▸ Requirement
Every line from the one containing "#19=IFCINDEXEDPOLYGONALFACE((1,2,6,5));" to the one containing "#32=IFCINDEXEDPOLYGONALFACE((5,6,8,7));" in the records below, both included, must be set down exactly, and no other line.

▸ Data for the task
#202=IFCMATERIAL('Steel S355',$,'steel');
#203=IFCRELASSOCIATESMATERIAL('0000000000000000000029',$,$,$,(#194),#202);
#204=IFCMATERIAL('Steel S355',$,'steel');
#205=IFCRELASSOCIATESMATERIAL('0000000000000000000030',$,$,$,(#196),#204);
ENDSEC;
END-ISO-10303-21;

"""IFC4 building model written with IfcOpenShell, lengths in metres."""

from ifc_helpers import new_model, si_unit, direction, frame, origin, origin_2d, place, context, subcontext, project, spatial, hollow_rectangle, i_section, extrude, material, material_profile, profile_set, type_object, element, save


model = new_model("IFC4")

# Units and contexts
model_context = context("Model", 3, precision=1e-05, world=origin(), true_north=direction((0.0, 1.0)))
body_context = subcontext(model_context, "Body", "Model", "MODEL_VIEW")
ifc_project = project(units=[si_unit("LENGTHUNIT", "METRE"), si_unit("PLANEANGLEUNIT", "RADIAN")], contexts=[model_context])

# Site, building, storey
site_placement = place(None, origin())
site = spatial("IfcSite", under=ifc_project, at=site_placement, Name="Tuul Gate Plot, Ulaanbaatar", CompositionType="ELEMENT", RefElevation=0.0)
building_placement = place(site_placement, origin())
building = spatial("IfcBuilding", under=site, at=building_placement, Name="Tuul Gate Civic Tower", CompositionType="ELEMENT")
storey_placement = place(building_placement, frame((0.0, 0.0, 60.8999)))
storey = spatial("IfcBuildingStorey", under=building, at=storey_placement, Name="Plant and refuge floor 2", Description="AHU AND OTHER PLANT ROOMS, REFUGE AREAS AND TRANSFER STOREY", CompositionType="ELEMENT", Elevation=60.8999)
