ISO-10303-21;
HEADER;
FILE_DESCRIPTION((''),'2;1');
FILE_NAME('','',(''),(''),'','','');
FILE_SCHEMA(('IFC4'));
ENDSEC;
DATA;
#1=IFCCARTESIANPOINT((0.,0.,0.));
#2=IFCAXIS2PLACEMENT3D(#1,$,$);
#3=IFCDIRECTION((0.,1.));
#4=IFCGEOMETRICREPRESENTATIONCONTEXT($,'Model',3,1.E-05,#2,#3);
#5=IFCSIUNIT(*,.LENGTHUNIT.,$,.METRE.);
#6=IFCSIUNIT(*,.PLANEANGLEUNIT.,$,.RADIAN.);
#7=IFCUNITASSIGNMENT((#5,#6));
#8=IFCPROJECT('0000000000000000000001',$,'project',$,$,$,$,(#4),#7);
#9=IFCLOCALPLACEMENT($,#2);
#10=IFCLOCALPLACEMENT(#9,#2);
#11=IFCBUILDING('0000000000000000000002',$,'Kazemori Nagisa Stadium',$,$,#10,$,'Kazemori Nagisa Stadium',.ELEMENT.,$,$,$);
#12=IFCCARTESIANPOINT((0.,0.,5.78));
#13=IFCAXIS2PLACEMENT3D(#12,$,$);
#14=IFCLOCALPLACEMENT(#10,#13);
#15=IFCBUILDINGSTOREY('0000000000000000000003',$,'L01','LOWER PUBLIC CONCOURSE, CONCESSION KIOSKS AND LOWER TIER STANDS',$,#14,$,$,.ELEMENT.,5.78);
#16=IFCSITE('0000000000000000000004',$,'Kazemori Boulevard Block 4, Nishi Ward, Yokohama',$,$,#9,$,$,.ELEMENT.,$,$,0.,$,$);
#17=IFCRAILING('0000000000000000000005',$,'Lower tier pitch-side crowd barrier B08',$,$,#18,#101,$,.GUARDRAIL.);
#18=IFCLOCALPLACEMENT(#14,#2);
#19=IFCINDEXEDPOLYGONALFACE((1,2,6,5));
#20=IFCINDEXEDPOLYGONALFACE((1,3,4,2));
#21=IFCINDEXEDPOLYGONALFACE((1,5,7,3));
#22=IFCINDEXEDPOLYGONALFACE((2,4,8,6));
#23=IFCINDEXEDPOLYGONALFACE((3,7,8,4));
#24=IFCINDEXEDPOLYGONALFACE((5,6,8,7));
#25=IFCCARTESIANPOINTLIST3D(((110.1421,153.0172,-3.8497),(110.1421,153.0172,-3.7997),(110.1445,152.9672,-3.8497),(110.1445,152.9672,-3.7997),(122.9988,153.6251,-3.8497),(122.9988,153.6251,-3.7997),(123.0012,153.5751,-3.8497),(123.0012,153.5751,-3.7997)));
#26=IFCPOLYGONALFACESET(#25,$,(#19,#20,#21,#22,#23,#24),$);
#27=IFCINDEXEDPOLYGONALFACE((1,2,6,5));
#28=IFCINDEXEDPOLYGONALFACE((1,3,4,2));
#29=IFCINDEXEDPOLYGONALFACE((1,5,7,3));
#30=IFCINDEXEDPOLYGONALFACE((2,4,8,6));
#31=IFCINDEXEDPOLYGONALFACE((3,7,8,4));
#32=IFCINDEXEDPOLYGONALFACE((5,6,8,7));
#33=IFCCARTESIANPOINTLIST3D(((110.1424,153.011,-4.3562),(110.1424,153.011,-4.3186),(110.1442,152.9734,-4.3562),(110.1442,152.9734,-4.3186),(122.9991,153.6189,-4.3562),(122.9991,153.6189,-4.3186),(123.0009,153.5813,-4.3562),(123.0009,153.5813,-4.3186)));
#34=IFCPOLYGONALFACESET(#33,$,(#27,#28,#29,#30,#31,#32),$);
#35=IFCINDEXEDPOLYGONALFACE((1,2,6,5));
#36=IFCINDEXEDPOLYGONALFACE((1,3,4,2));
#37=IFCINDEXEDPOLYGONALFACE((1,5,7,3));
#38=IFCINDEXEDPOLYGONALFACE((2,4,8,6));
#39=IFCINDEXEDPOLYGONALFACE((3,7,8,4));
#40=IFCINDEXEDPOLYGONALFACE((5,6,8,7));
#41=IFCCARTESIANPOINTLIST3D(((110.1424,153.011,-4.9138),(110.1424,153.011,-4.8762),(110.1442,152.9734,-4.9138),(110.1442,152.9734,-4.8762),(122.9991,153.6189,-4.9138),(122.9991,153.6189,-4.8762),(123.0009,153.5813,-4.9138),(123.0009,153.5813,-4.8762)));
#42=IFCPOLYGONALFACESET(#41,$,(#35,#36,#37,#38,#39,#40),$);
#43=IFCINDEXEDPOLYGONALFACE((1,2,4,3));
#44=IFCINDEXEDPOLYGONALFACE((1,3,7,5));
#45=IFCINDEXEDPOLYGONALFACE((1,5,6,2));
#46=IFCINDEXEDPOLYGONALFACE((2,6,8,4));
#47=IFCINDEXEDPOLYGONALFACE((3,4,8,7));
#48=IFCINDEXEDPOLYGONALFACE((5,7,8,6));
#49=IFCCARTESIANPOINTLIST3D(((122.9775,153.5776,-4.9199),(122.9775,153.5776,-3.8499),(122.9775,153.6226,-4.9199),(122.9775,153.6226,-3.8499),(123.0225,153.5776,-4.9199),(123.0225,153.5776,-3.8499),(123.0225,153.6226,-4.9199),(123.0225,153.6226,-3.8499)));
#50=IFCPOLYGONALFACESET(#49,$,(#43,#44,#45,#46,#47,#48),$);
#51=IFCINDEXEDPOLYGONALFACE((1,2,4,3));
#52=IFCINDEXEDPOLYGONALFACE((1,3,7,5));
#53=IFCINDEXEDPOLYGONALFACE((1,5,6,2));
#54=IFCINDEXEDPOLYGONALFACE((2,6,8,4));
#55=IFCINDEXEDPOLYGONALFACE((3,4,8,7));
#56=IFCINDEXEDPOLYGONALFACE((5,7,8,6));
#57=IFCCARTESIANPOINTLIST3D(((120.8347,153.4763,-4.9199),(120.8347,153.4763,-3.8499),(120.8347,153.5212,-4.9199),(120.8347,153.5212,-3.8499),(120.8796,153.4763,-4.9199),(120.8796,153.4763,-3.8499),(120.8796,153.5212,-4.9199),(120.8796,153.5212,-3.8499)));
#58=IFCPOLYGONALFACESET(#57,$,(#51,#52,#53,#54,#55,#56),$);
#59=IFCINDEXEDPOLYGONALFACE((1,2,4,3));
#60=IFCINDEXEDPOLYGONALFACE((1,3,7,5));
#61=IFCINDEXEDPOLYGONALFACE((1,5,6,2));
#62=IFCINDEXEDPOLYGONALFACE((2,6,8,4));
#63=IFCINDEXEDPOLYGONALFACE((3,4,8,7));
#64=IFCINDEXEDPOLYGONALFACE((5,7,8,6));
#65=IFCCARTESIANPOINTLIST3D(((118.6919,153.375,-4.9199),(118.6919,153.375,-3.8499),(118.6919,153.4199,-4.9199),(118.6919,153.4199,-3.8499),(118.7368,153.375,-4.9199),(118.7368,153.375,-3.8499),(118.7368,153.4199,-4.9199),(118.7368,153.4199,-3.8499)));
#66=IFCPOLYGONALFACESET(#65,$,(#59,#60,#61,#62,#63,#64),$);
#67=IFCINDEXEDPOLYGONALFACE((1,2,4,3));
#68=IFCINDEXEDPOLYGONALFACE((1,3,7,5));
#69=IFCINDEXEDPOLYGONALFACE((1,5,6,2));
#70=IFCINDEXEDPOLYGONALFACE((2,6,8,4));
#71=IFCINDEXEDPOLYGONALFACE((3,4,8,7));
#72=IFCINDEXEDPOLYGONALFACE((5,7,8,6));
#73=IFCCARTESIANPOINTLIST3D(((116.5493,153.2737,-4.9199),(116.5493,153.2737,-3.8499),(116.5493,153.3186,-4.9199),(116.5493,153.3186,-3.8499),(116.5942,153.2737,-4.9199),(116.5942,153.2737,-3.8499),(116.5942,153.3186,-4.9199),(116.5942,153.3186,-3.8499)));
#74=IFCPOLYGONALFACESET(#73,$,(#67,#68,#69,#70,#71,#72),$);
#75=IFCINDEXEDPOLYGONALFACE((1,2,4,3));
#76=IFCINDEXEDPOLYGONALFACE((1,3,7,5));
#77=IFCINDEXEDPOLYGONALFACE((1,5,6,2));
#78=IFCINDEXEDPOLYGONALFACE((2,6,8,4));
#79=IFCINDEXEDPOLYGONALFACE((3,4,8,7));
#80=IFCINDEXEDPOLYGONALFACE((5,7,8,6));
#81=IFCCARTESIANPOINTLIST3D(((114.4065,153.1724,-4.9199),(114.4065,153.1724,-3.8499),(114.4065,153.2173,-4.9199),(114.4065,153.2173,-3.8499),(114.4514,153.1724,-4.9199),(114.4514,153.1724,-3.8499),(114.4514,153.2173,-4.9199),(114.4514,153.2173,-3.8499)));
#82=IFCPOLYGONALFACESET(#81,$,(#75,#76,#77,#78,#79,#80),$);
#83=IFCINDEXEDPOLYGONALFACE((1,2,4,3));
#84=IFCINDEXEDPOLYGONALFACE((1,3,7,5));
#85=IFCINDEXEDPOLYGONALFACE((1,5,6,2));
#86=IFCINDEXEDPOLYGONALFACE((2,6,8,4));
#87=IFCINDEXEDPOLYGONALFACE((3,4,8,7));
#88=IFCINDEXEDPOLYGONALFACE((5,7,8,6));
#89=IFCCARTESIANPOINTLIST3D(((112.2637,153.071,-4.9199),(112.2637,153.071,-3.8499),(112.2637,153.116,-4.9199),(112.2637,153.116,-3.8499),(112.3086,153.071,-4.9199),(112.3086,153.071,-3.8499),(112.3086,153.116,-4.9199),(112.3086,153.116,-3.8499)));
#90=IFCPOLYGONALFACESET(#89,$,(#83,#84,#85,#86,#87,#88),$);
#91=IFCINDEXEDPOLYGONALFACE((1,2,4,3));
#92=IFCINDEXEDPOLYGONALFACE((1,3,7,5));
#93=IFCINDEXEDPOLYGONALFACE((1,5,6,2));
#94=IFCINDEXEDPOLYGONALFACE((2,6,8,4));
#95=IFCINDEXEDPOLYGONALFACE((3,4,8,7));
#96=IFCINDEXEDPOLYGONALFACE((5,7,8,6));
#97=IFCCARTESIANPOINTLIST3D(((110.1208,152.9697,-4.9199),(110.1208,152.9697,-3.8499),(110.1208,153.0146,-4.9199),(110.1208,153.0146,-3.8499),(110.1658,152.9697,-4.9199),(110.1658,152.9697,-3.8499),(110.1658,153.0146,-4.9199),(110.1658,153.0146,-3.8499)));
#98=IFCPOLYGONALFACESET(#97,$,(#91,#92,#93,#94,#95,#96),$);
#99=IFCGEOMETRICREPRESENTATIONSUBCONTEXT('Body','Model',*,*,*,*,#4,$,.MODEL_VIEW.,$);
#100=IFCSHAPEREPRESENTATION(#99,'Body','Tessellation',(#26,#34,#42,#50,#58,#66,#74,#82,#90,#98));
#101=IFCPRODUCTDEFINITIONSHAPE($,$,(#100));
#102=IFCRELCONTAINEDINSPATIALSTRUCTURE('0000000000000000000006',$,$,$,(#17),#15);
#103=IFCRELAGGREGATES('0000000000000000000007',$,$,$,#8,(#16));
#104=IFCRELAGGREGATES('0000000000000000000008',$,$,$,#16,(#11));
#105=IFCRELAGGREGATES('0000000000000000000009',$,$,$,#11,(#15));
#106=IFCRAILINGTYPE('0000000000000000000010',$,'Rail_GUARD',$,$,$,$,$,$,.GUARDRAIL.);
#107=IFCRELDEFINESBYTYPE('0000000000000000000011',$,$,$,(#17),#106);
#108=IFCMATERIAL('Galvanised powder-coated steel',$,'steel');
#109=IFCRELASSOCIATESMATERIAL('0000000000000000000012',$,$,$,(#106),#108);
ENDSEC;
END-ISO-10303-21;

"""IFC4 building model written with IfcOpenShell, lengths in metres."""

from ifc_helpers import new_model, si_unit, direction, frame, origin, origin_2d, place, context, subcontext, project, spatial, rectangle, extrude, material, type_object, element, save


model = new_model("IFC4")

# Units and contexts
model_context = context("Model", 3, precision=1e-05, world=origin(), true_north=direction((0.0, 1.0)))
body_context = subcontext(model_context, "Body", "Model", "MODEL_VIEW")
ifc_project = project(units=[si_unit("LENGTHUNIT", "METRE"), si_unit("PLANEANGLEUNIT", "RADIAN")], contexts=[model_context])

# Site, building, storey
site_placement = place(None, origin())
site = spatial("IfcSite", under=ifc_project, at=site_placement, Name="Kazemori Boulevard Block 4, Nishi Ward, Yokohama", CompositionType="ELEMENT", RefElevation=0.0)
building_placement = place(site_placement, origin())
building = spatial("IfcBuilding", under=site, at=building_placement, Name="Kazemori Nagisa Stadium", LongName="Kazemori Nagisa Stadium", CompositionType="ELEMENT")
storey_placement = place(building_placement, frame((0.0, 0.0, 5.78)))
storey = spatial("IfcBuildingStorey", under=building, at=storey_placement, Name="L01", Description="LOWER PUBLIC CONCOURSE, CONCESSION KIOSKS AND LOWER TIER STANDS", CompositionType="ELEMENT", Elevation=5.78)

# Railing
ifc_material_1 = material(Name="Galvanised powder-coated steel", Category="steel")
railing_type_1 = type_object("IfcRailingType", Name="Rail_GUARD", PredefinedType="GUARDRAIL", material=ifc_material_1)
railing_1_placement = place(storey_placement, frame((123.0, 153.6001, -4.9199)))
element("IfcRailing", 1, at=railing_1_placement, inside=storey, type_object=railing_type_1, Name="Lower tier pitch-side crowd barrier B08", PredefinedType="GUARDRAIL", context=body_context, shape_type="SweptSolid", body=[
    extrude(rectangle(XDim=0.05, YDim=0.05, at=origin_2d()), frame((0.0, 0.0, 1.0952), z_axis=(-0.998884, -0.047231, 0.0), x_axis=(0.047231, -0.998884, 0.0)), (0.0, 0.0, 1.0), 12.8711),
    extrude(rectangle(XDim=0.0376, YDim=0.0376, at=origin_2d()), frame((0.0, 0.0, 0.5825), z_axis=(-0.998884, -0.047231, 0.0), x_axis=(0.047231, -0.998884, 0.0)), (0.0, 0.0, 1.0), 12.8711),
    extrude(rectangle(XDim=0.0376, YDim=0.0376, at=origin_2d()), frame((0.0, 0.0, 0.0249), z_axis=(-0.998884, -0.047231, 0.0), x_axis=(0.047231, -0.998884, 0.0)), (0.0, 0.0, 1.0), 12.8711),
    extrude(rectangle(XDim=0.0449, YDim=0.0449, at=origin_2d()), origin(), (0.0, 0.0, 1.0), 1.0701),
    extrude(rectangle(XDim=0.0449, YDim=0.0449, at=origin_2d()), frame((-2.1428, -0.1013, 0.0)), (0.0, 0.0, 1.0), 1.0701),
    extrude(rectangle(XDim=0.0449, YDim=0.0449, at=origin_2d()), frame((-4.2856, -0.2026, 0.0)), (0.0, 0.0, 1.0), 1.0701),
    extrude(rectangle(XDim=0.0449, YDim=0.0449, at=origin_2d()), frame((-6.4282, -0.304, 0.0)), (0.0, 0.0, 1.0), 1.0701),
    extrude(rectangle(XDim=0.0449, YDim=0.0449, at=origin_2d()), frame((-8.571, -0.4053, 0.0)), (0.0, 0.0, 1.0), 1.0701),
    extrude(rectangle(XDim=0.0449, YDim=0.0449, at=origin_2d()), frame((-10.7139, -0.5066, 0.0)), (0.0, 0.0, 1.0), 1.0701),
    extrude(rectangle(XDim=0.0449, YDim=0.0449, at=origin_2d()), frame((-12.8567, -0.6079, 0.0)), (0.0, 0.0, 1.0), 1.0701),
])

save(model, "model.ifc")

▸ Answer to the exercise
#19=IFCINDEXEDPOLYGONALFACE((1,2,6,5));
#20=IFCINDEXEDPOLYGONALFACE((1,3,4,2));
#21=IFCINDEXEDPOLYGONALFACE((1,5,7,3));
#22=IFCINDEXEDPOLYGONALFACE((2,4,8,6));
#23=IFCINDEXEDPOLYGONALFACE((3,7,8,4));
#24=IFCINDEXEDPOLYGONALFACE((5,6,8,7));
#25=IFCCARTESIANPOINTLIST3D(((110.1421,153.0172,-3.8497),(110.1421,153.0172,-3.7997),(110.1445,152.9672,-3.8497),(110.1445,152.9672,-3.7997),(122.9988,153.6251,-3.8497),(122.9988,153.6251,-3.7997),(123.0012,153.5751,-3.8497),(123.0012,153.5751,-3.7997)));
#26=IFCPOLYGONALFACESET(#25,$,(#19,#20,#21,#22,#23,#24),$);
#27=IFCINDEXEDPOLYGONALFACE((1,2,6,5));
#28=IFCINDEXEDPOLYGONALFACE((1,3,4,2));
#29=IFCINDEXEDPOLYGONALFACE((1,5,7,3));
#30=IFCINDEXEDPOLYGONALFACE((2,4,8,6));
#31=IFCINDEXEDPOLYGONALFACE((3,7,8,4));
#32=IFCINDEXEDPOLYGONALFACE((5,6,8,7));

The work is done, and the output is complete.